All lines with the word "Shirokan" must be pulled from the entries below.

═══ Dataset extract

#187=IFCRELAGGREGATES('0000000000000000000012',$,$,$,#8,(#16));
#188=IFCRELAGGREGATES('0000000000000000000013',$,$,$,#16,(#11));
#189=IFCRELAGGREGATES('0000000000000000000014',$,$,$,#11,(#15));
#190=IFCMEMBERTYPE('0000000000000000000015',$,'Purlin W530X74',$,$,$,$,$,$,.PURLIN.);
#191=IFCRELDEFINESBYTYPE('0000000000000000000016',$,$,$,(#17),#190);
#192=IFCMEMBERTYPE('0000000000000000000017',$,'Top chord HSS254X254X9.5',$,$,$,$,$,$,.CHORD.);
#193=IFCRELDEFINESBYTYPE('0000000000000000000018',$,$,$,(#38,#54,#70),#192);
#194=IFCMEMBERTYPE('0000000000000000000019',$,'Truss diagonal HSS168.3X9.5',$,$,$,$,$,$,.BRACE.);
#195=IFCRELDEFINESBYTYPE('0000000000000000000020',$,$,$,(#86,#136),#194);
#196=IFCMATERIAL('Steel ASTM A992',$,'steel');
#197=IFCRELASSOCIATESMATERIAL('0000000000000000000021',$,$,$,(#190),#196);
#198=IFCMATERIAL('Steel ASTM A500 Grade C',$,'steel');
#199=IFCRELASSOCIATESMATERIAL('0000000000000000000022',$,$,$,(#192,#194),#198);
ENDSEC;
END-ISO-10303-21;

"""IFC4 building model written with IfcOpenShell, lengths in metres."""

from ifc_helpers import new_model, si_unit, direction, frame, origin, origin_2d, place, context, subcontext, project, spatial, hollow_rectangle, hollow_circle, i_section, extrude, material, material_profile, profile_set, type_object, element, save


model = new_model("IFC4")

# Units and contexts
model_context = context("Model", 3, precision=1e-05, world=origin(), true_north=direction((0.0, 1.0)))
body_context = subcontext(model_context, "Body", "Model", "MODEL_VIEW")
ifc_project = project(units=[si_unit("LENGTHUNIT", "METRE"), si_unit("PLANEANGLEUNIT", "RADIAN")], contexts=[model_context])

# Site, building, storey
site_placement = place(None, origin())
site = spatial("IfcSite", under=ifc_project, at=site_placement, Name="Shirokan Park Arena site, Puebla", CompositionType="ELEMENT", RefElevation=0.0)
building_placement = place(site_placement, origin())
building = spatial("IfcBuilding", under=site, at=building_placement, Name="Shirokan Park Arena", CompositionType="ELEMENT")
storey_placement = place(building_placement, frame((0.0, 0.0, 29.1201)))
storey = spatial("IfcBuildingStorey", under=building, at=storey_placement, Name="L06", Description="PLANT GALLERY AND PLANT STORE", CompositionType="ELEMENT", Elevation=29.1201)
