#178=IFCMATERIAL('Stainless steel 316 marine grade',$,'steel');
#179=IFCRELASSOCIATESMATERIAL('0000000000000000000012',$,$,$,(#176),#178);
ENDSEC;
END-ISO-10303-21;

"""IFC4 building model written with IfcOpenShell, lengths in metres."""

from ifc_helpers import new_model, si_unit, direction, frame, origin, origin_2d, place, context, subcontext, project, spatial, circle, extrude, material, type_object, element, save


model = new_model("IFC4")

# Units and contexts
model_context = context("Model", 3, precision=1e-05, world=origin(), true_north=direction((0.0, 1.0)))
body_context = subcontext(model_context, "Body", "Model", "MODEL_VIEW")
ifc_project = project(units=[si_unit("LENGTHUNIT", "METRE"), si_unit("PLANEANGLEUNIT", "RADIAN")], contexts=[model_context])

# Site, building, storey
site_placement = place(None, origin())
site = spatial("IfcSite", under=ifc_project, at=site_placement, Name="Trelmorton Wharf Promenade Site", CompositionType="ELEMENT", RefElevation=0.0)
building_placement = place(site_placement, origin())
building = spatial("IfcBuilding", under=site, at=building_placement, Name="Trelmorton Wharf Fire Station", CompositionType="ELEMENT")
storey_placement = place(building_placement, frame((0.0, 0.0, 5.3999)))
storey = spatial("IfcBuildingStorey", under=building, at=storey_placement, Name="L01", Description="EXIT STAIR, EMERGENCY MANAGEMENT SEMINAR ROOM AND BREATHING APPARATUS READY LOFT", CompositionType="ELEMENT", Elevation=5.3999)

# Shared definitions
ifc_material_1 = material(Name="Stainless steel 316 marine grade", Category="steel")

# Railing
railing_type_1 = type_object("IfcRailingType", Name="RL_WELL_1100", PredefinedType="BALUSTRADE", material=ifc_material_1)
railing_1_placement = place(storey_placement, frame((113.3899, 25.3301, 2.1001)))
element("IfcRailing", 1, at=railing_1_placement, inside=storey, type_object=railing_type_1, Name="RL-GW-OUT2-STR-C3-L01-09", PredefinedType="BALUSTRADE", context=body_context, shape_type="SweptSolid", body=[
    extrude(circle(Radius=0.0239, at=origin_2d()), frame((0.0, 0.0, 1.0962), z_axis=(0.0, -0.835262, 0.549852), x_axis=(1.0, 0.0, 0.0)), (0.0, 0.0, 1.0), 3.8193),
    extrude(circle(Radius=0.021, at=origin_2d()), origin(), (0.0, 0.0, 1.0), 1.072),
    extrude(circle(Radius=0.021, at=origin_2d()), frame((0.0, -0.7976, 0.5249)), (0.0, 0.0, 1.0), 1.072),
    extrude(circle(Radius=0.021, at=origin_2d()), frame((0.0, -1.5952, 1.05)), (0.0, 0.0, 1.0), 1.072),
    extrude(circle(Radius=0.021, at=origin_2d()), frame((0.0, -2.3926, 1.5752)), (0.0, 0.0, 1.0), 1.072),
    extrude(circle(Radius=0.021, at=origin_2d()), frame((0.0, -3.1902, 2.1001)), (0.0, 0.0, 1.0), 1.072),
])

══════

- _Output of the exercise_
site = spatial("IfcSite", under=ifc_project, at=site_placement, Name="Shirokan Park Arena site, Puebla", CompositionType="ELEMENT", RefElevation=0.0)
building = spatial("IfcBuilding", under=site, at=building_placement, Name="Shirokan Park Arena", CompositionType="ELEMENT")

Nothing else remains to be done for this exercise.